──────── MATERIAL FOR THIS EXERCISE

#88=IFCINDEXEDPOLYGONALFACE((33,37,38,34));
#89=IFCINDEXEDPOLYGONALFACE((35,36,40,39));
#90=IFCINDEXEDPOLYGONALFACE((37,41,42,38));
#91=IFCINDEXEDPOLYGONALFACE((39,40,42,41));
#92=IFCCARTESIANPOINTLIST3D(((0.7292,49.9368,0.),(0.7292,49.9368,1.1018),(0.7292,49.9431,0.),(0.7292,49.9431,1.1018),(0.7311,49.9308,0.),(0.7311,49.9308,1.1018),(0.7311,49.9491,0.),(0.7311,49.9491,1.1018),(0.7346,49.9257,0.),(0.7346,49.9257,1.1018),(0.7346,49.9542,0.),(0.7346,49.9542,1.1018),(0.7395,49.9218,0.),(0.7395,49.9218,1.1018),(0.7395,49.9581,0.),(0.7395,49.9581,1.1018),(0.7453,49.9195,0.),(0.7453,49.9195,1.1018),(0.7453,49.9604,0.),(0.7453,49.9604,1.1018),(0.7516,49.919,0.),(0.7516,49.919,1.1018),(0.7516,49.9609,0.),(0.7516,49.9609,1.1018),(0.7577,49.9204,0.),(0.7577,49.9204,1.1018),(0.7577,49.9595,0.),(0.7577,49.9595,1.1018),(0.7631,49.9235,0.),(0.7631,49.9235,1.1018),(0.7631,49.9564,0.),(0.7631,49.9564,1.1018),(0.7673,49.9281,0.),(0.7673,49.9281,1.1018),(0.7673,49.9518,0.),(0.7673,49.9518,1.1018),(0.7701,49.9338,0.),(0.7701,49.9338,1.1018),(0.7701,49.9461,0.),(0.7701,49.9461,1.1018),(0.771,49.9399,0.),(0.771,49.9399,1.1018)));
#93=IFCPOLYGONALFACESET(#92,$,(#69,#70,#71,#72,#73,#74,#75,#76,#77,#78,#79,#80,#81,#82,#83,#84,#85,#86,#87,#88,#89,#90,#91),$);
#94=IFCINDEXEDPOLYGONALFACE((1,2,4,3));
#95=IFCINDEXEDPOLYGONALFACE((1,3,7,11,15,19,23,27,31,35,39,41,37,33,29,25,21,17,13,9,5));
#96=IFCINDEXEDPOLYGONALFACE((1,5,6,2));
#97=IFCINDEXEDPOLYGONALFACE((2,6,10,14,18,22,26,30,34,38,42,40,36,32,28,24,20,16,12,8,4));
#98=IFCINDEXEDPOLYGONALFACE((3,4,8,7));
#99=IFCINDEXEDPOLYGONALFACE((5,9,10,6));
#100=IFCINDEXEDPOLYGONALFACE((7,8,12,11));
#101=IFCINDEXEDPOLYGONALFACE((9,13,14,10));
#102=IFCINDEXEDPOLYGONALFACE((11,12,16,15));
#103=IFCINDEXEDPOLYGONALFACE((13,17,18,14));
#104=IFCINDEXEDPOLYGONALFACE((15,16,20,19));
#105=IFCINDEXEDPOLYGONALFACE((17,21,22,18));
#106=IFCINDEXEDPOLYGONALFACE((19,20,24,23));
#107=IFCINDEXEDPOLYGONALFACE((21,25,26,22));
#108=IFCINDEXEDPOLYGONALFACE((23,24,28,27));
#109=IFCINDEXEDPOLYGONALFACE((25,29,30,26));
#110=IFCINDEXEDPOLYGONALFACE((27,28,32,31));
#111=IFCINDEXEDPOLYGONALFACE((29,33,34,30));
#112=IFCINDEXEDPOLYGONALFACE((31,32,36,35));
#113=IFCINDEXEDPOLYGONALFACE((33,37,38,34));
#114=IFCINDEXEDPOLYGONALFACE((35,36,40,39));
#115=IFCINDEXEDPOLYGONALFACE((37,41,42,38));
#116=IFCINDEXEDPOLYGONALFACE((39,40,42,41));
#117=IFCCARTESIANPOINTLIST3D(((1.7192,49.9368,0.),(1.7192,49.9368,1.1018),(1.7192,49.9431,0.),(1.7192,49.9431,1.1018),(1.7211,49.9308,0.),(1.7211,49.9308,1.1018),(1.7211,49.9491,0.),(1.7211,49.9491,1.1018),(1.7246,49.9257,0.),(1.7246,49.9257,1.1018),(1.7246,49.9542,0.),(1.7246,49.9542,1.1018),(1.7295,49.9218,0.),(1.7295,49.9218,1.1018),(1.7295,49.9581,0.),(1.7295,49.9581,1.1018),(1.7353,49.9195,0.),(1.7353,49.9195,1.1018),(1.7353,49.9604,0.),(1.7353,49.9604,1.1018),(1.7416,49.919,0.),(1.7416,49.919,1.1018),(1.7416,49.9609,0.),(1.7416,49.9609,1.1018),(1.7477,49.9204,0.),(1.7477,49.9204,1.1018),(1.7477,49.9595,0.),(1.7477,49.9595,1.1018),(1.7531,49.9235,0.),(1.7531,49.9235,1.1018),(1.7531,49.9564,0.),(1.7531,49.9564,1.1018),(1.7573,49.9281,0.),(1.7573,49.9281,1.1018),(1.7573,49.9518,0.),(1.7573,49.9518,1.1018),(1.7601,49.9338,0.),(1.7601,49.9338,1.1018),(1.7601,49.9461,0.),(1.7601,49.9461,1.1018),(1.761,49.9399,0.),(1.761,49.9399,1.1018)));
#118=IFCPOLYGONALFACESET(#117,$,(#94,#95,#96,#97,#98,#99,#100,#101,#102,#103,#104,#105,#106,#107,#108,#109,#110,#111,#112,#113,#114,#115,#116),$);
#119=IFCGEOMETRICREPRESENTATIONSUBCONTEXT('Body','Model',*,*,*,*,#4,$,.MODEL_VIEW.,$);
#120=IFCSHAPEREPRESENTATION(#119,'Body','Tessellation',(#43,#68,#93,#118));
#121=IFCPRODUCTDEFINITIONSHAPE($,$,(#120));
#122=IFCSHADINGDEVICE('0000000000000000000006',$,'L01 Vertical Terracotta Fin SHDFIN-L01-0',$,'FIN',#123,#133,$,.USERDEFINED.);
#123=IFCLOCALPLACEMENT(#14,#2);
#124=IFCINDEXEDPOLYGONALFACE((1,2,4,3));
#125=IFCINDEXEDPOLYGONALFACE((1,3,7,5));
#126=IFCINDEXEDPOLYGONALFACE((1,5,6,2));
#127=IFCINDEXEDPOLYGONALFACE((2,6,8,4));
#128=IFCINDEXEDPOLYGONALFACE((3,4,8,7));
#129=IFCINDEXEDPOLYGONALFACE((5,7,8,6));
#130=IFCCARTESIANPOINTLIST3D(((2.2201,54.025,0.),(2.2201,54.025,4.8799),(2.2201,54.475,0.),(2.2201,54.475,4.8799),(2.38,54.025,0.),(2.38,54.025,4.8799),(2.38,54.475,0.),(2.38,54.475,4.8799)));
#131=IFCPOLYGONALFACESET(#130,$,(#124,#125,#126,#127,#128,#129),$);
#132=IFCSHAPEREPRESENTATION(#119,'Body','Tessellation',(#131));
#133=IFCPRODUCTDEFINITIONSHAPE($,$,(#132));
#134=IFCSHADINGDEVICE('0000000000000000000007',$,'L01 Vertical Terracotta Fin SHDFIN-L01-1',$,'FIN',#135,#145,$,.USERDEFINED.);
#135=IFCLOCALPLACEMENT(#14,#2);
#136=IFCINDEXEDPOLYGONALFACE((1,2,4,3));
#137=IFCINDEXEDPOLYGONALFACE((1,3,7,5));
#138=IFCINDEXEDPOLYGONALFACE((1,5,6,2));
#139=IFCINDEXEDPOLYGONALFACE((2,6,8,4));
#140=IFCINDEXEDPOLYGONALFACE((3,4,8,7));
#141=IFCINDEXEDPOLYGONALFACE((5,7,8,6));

────────────────
──────── MATERIAL FOR THIS EXERCISE

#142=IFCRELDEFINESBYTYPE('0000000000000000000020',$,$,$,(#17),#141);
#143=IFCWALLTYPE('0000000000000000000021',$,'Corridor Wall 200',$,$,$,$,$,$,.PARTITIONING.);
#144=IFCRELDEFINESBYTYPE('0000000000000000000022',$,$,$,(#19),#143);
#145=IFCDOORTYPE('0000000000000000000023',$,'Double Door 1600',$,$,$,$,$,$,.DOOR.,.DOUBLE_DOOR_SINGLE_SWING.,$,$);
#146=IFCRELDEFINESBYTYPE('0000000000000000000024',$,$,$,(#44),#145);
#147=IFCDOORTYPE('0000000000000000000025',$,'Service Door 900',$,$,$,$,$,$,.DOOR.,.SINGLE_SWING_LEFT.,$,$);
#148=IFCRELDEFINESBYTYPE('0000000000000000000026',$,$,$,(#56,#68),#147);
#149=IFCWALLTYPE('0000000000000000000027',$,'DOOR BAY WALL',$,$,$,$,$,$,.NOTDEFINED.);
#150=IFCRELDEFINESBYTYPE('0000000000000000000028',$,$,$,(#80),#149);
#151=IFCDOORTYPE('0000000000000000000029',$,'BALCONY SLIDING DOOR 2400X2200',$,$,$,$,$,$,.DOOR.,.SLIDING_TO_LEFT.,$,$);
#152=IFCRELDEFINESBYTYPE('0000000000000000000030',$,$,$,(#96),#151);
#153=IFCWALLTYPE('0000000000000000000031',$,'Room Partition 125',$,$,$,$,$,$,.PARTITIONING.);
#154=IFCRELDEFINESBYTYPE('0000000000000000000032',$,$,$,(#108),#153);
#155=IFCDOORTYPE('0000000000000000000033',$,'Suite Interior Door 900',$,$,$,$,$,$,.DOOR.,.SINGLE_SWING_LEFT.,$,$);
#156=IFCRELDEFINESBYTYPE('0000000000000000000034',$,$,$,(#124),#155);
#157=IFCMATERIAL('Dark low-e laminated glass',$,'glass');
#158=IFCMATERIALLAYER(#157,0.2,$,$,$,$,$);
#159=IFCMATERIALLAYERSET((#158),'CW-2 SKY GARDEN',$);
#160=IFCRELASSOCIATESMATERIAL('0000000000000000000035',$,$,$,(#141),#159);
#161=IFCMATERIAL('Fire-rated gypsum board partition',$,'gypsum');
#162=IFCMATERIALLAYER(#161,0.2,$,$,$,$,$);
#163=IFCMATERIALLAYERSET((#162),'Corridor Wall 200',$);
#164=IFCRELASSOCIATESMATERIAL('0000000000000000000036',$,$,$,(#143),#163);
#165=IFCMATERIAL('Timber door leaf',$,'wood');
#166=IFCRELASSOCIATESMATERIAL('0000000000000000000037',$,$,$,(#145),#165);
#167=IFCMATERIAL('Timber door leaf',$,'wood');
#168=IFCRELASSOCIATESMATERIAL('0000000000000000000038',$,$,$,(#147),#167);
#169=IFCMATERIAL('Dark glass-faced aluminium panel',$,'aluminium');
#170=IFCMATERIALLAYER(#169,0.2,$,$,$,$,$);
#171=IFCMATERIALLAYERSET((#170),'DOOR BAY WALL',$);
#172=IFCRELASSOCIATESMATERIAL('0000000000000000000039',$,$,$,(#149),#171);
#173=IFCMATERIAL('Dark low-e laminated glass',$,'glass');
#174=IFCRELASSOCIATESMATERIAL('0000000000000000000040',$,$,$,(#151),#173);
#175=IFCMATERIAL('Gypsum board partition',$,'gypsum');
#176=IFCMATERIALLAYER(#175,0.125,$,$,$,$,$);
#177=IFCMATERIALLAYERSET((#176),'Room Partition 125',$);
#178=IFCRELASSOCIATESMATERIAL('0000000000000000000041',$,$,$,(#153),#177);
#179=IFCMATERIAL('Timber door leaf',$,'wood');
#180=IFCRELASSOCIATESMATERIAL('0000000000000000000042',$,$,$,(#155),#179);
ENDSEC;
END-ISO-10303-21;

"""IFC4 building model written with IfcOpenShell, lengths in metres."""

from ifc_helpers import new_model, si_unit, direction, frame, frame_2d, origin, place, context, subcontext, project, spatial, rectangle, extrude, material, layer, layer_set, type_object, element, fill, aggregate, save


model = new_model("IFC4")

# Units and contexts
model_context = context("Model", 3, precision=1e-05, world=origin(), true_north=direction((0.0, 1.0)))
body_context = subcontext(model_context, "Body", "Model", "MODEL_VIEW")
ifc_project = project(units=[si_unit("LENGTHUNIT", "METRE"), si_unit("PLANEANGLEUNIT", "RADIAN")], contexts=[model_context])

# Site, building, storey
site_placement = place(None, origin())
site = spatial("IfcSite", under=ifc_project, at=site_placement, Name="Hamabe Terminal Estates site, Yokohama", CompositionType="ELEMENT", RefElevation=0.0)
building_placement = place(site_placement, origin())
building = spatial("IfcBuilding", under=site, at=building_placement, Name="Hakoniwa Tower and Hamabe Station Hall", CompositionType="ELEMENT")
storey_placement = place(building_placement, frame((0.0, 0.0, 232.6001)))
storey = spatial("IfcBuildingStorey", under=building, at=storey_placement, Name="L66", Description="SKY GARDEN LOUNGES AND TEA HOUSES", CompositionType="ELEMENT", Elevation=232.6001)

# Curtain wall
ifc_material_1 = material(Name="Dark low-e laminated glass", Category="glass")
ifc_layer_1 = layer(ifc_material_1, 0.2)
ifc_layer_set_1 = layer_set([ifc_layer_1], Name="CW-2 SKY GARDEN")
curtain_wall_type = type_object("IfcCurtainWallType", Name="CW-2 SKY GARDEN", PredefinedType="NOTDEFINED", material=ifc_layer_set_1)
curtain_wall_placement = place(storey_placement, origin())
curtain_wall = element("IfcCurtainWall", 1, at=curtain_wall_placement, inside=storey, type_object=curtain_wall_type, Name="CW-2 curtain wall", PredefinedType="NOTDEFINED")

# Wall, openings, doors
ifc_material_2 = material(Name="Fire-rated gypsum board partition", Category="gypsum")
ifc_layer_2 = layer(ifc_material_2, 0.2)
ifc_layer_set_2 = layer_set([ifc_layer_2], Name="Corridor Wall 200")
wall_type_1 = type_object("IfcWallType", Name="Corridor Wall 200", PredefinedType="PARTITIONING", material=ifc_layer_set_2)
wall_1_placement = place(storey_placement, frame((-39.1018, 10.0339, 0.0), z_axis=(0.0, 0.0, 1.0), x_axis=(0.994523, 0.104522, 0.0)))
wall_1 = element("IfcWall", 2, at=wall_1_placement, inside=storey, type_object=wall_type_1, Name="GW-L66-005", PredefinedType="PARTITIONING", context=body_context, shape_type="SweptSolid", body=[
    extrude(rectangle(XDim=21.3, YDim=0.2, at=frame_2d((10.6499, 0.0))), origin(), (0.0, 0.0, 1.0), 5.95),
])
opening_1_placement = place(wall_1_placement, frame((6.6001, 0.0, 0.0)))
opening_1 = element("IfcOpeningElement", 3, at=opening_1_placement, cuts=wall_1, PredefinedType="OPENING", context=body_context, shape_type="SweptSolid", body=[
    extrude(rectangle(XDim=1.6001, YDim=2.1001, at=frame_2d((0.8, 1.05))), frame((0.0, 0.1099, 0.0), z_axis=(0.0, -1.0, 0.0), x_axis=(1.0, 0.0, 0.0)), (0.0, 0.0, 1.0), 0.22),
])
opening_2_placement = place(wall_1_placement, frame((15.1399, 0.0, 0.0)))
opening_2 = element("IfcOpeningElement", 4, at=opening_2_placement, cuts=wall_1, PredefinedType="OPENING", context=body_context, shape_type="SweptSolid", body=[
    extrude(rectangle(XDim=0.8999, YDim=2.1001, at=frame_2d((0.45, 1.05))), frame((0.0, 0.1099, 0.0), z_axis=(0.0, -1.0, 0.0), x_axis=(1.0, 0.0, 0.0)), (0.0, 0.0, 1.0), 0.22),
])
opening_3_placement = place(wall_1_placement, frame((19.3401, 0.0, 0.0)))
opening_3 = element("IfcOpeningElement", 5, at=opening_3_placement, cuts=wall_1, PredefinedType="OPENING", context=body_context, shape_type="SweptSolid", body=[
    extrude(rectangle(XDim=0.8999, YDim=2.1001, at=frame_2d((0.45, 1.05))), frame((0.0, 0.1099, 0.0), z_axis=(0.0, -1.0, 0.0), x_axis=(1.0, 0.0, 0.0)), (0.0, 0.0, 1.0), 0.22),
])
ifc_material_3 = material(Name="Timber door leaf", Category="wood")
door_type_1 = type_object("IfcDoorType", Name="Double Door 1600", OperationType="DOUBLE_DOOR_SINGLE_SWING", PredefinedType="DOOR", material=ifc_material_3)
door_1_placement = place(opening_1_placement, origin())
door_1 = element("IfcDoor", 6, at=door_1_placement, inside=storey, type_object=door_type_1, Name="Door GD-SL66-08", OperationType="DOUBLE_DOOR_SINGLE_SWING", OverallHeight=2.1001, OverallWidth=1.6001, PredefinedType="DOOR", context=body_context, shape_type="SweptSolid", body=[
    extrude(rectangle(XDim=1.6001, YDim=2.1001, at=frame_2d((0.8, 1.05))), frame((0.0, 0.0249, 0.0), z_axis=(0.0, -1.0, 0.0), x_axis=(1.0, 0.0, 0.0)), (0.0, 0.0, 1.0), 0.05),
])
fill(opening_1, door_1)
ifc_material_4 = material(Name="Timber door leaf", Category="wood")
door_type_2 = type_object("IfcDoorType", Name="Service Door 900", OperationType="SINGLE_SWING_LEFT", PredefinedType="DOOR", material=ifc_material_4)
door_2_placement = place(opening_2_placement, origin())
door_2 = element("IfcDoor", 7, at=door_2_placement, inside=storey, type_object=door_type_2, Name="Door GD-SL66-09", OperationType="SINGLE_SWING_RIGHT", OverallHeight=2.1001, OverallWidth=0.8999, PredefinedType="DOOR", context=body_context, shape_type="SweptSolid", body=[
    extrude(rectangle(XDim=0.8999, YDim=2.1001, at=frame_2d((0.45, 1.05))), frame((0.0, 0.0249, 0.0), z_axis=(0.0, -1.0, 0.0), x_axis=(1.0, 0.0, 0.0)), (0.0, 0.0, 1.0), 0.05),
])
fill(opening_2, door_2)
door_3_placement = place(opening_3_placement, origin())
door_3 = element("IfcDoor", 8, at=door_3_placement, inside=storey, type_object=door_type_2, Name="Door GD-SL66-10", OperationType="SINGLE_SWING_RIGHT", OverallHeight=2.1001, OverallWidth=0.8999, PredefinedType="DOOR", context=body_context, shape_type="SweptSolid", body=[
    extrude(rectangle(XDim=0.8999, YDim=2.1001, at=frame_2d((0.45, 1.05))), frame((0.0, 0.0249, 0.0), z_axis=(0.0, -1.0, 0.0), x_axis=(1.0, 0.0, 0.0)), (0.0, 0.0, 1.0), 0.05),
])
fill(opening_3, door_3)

────────────────

* _YOUR INSTRUCTIONS_:
What do the lines above say from the one containing "# Curtain wall" down to the one containing "curtain_wall_placement = place(storey_placement, origin())"? Return them exactly, both end lines included, and only them.

* _ANSWER TO THE EXERCISE_:
# Curtain wall
ifc_material_1 = material(Name="Dark low-e laminated glass", Category="glass")
ifc_layer_1 = layer(ifc_material_1, 0.2)
ifc_layer_set_1 = layer_set([ifc_layer_1], Name="CW-2 SKY GARDEN")
curtain_wall_type = type_object("IfcCurtainWallType", Name="CW-2 SKY GARDEN", PredefinedType="NOTDEFINED", material=ifc_layer_set_1)
curtain_wall_placement = place(storey_placement, origin())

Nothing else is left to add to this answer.